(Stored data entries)
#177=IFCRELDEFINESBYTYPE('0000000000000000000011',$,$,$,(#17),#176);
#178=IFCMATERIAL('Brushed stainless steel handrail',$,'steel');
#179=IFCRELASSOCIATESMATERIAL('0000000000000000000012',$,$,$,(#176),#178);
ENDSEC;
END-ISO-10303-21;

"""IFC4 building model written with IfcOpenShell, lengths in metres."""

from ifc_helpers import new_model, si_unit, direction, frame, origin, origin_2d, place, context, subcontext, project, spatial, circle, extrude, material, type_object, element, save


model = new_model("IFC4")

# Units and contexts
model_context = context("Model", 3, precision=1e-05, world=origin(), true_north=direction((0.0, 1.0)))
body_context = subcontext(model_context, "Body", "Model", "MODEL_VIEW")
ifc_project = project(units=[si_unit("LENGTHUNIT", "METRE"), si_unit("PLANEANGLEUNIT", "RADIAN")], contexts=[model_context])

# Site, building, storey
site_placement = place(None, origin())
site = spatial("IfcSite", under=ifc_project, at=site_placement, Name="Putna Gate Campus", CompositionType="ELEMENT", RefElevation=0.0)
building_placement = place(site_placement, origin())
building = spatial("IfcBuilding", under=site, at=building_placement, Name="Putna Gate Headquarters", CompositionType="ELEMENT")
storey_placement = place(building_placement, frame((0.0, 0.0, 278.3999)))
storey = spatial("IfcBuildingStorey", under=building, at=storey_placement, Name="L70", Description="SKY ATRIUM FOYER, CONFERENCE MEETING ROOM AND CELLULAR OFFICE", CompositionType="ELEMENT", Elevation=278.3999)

• What is required
Above are the entries. Output exactly the lines beginning with the line that has "END-ISO-10303-21;" and ending with the line that has "# Units and contexts".

• Solution to this task
END-ISO-10303-21;

"""IFC4 building model written with IfcOpenShell, lengths in metres."""

from ifc_helpers import new_model, si_unit, direction, frame, origin, origin_2d, place, context, subcontext, project, spatial, circle, extrude, material, type_object, element, save


model = new_model("IFC4")

# Units and contexts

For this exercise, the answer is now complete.